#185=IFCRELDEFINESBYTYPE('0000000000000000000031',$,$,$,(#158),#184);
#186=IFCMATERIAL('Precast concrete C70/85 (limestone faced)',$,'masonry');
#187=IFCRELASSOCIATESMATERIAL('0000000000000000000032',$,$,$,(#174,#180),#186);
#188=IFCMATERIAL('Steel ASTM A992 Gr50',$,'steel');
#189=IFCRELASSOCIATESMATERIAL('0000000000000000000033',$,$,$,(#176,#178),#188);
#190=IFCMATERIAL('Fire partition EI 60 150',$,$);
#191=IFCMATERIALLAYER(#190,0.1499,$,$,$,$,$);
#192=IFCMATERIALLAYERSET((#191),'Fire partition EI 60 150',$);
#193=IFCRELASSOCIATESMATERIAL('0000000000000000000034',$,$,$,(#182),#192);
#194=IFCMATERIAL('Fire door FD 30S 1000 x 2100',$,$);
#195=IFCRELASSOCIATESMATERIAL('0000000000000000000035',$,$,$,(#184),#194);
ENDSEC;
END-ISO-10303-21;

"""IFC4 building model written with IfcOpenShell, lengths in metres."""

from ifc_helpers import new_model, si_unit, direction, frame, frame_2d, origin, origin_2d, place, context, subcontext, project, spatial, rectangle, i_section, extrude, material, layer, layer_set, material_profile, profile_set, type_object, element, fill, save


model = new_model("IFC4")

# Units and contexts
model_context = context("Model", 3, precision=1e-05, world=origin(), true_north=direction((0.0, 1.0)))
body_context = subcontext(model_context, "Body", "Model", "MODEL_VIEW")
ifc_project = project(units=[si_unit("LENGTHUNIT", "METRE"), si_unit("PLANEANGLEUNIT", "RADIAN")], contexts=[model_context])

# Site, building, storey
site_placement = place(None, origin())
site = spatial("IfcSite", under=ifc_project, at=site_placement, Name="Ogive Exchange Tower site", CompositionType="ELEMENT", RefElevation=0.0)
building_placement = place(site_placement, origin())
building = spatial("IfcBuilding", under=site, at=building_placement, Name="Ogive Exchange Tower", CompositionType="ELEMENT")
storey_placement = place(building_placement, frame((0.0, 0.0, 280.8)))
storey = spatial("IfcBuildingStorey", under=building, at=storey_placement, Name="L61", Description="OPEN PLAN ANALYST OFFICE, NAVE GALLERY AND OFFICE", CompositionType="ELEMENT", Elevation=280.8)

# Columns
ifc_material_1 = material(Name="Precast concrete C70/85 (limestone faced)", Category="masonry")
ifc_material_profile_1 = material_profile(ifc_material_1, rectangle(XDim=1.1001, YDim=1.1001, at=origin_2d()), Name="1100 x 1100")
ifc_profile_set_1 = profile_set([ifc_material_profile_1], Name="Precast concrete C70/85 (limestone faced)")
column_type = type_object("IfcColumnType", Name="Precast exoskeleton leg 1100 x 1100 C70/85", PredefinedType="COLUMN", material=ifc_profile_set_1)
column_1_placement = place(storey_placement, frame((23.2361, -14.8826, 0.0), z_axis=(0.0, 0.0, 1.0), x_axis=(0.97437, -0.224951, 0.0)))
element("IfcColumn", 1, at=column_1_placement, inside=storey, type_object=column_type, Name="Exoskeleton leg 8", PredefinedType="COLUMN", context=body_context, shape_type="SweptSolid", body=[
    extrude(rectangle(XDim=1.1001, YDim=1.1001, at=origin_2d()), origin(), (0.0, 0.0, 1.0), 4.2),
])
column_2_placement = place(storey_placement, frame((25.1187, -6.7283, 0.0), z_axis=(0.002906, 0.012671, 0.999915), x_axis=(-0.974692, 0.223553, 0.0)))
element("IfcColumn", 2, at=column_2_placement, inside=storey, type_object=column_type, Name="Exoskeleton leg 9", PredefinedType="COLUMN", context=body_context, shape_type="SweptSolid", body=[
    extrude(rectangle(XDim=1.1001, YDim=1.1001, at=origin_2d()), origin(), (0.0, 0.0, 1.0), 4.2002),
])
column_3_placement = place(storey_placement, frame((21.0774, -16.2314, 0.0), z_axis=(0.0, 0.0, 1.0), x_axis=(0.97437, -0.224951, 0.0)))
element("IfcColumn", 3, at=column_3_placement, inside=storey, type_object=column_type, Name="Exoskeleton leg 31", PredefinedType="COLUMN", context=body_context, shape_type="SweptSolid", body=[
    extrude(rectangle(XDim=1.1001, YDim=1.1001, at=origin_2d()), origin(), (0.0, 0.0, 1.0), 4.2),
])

Problem to solve. From the top of the listing above, restate each line word for word up to and including the line with "building model written"; add nothing else.

Response area.
#185=IFCRELDEFINESBYTYPE('0000000000000000000031',$,$,$,(#158),#184);
#186=IFCMATERIAL('Precast concrete C70/85 (limestone faced)',$,'masonry');
#187=IFCRELASSOCIATESMATERIAL('0000000000000000000032',$,$,$,(#174,#180),#186);
#188=IFCMATERIAL('Steel ASTM A992 Gr50',$,'steel');
#189=IFCRELASSOCIATESMATERIAL('0000000000000000000033',$,$,$,(#176,#178),#188);
#190=IFCMATERIAL('Fire partition EI 60 150',$,$);
#191=IFCMATERIALLAYER(#190,0.1499,$,$,$,$,$);
#192=IFCMATERIALLAYERSET((#191),'Fire partition EI 60 150',$);
#193=IFCRELASSOCIATESMATERIAL('0000000000000000000034',$,$,$,(#182),#192);
#194=IFCMATERIAL('Fire door FD 30S 1000 x 2100',$,$);
#195=IFCRELASSOCIATESMATERIAL('0000000000000000000035',$,$,$,(#184),#194);
ENDSEC;
END-ISO-10303-21;

"""IFC4 building model written with IfcOpenShell, lengths in metres."""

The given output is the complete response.